Problem to work on
Look through the records below for the line holding "#149=IFCRELAGGREGATES('0000000000000000000008',$,$,$,#16,(#11));". Write it out exactly, with each following line through the line holding "building model written".

(Material provided begins)

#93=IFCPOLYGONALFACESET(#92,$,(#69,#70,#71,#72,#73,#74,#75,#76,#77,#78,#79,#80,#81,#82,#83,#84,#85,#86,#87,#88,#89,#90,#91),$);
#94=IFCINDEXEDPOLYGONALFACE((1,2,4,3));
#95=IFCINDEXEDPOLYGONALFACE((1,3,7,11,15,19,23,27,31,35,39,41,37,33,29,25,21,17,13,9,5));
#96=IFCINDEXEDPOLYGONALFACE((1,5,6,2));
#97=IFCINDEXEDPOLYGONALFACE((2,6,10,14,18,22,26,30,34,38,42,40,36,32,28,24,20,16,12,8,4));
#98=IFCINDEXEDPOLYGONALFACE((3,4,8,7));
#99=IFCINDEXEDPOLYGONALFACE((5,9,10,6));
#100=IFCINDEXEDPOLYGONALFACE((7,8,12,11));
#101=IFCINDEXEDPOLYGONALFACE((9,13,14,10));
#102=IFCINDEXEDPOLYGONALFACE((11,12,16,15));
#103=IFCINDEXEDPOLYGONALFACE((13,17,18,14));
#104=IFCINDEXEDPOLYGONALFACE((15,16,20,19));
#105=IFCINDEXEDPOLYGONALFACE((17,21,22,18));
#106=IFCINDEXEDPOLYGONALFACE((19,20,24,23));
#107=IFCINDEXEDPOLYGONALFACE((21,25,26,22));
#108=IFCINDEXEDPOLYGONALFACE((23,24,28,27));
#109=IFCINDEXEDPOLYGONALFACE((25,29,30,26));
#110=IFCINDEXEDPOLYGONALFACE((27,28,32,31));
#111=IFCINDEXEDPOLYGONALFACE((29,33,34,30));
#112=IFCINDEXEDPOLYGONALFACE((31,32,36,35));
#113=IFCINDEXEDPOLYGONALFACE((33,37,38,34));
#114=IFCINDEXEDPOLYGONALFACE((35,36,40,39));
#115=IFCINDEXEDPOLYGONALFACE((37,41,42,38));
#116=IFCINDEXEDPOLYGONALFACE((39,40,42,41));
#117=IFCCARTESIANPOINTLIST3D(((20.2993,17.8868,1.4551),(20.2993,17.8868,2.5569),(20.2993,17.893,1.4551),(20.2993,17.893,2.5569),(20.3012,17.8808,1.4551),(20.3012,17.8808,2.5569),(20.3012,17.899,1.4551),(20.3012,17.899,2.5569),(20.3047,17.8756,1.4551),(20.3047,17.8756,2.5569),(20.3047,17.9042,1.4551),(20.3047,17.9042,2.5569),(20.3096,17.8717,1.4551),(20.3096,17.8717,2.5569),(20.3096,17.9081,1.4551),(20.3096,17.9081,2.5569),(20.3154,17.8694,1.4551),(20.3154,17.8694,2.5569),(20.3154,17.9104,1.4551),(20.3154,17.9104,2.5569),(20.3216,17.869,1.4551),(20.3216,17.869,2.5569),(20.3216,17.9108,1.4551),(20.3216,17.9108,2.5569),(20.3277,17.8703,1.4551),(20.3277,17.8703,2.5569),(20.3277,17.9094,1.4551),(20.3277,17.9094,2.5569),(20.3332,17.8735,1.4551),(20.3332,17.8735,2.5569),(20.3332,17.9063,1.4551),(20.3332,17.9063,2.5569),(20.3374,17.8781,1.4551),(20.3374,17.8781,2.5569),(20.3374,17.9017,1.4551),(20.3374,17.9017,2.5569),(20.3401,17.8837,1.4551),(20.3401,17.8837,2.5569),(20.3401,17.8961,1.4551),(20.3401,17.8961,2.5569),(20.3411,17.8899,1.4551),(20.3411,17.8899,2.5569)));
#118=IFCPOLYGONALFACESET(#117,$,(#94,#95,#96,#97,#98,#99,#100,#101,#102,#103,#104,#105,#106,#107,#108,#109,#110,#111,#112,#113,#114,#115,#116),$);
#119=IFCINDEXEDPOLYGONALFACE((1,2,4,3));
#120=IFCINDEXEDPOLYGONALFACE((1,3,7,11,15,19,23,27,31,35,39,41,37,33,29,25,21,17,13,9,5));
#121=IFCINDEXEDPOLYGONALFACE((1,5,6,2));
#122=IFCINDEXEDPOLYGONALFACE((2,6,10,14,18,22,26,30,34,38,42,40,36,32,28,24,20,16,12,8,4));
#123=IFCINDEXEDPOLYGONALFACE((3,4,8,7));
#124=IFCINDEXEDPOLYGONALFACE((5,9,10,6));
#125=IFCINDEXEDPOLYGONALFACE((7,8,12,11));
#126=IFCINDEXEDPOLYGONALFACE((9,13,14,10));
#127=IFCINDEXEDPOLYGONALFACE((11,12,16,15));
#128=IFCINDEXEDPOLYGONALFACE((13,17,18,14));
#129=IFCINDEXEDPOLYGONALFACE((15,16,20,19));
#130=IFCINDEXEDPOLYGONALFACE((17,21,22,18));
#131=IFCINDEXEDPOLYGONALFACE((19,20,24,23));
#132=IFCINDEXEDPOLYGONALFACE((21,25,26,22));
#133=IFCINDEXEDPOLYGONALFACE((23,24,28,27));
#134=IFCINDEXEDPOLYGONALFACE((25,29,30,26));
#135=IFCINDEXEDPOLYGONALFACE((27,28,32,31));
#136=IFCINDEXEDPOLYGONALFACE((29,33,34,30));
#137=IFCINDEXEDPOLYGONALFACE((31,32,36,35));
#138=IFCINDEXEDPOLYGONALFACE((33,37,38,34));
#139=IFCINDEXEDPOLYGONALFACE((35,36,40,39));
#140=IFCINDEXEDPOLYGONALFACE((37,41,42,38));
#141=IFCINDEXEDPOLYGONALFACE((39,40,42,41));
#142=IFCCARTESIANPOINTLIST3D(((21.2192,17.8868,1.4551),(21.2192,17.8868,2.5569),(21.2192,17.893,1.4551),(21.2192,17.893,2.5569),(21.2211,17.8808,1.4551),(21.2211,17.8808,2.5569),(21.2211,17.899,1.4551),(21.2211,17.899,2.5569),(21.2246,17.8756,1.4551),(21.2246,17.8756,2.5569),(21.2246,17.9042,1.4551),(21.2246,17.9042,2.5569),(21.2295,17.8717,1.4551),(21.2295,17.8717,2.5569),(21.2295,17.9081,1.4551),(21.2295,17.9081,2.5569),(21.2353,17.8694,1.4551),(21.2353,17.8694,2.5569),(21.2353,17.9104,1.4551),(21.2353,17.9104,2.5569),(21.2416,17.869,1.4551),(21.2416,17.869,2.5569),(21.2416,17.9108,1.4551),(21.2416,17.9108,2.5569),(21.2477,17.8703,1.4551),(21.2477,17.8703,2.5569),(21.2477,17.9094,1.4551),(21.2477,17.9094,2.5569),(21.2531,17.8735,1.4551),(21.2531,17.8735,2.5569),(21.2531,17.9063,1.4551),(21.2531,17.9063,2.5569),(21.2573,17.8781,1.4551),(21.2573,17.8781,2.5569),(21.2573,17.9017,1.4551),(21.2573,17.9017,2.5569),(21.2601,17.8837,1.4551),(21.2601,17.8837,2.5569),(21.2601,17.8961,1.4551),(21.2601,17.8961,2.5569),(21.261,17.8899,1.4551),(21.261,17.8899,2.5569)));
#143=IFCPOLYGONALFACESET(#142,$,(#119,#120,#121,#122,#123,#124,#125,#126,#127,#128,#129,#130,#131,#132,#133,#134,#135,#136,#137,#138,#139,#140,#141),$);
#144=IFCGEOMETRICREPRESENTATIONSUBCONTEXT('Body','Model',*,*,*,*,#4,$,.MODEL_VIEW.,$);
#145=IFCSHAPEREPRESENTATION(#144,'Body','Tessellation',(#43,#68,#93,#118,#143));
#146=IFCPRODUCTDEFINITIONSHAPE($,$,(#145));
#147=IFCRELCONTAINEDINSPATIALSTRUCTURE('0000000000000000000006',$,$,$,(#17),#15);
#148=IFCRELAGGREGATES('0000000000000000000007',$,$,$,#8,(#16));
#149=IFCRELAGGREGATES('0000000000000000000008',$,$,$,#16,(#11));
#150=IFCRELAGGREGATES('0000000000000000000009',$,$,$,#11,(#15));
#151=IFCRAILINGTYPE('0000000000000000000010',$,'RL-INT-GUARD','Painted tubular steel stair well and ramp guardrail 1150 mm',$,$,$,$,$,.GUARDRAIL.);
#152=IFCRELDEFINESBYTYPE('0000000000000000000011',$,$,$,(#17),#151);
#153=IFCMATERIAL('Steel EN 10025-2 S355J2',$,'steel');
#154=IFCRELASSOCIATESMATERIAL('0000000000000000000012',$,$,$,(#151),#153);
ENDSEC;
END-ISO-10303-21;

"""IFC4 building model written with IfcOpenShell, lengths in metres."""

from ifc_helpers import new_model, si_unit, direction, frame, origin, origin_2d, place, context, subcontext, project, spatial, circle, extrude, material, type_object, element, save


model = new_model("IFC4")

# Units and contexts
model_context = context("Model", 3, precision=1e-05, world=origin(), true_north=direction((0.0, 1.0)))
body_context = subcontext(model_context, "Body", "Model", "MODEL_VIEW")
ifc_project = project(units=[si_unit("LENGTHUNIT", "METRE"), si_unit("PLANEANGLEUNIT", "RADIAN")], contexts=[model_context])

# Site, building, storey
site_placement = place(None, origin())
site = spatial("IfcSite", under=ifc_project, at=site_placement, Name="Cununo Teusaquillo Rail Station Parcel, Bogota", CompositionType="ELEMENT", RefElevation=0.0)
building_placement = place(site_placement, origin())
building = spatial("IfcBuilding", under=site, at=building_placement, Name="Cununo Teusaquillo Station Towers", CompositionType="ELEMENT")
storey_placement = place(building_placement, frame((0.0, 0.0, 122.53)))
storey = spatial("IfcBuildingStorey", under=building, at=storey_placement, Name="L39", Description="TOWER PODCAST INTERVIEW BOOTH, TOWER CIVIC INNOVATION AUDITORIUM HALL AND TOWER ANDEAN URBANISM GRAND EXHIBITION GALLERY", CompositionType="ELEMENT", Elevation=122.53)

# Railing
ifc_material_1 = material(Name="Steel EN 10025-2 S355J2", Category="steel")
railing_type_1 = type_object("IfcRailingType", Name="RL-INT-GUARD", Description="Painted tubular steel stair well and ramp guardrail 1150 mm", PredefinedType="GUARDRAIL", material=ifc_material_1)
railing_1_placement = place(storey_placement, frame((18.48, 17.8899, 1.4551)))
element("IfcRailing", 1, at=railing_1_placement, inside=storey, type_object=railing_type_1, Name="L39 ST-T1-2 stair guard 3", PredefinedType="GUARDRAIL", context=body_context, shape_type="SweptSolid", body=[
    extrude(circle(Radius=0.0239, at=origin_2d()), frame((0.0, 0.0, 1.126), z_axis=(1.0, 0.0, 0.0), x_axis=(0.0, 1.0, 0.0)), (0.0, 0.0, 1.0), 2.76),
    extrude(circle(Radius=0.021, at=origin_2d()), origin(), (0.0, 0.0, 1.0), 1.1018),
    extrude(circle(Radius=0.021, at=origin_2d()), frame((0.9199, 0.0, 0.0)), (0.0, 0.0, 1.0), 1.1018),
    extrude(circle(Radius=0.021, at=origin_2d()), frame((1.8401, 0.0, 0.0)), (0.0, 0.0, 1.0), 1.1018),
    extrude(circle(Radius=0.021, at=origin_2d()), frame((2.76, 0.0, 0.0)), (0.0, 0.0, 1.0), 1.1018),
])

(Material provided ends)

Answer to this exercise
#149=IFCRELAGGREGATES('0000000000000000000008',$,$,$,#16,(#11));
#150=IFCRELAGGREGATES('0000000000000000000009',$,$,$,#11,(#15));
#151=IFCRAILINGTYPE('0000000000000000000010',$,'RL-INT-GUARD','Painted tubular steel stair well and ramp guardrail 1150 mm',$,$,$,$,$,.GUARDRAIL.);
#152=IFCRELDEFINESBYTYPE('0000000000000000000011',$,$,$,(#17),#151);
#153=IFCMATERIAL('Steel EN 10025-2 S355J2',$,'steel');
#154=IFCRELASSOCIATESMATERIAL('0000000000000000000012',$,$,$,(#151),#153);
ENDSEC;
END-ISO-10303-21;

"""IFC4 building model written with IfcOpenShell, lengths in metres."""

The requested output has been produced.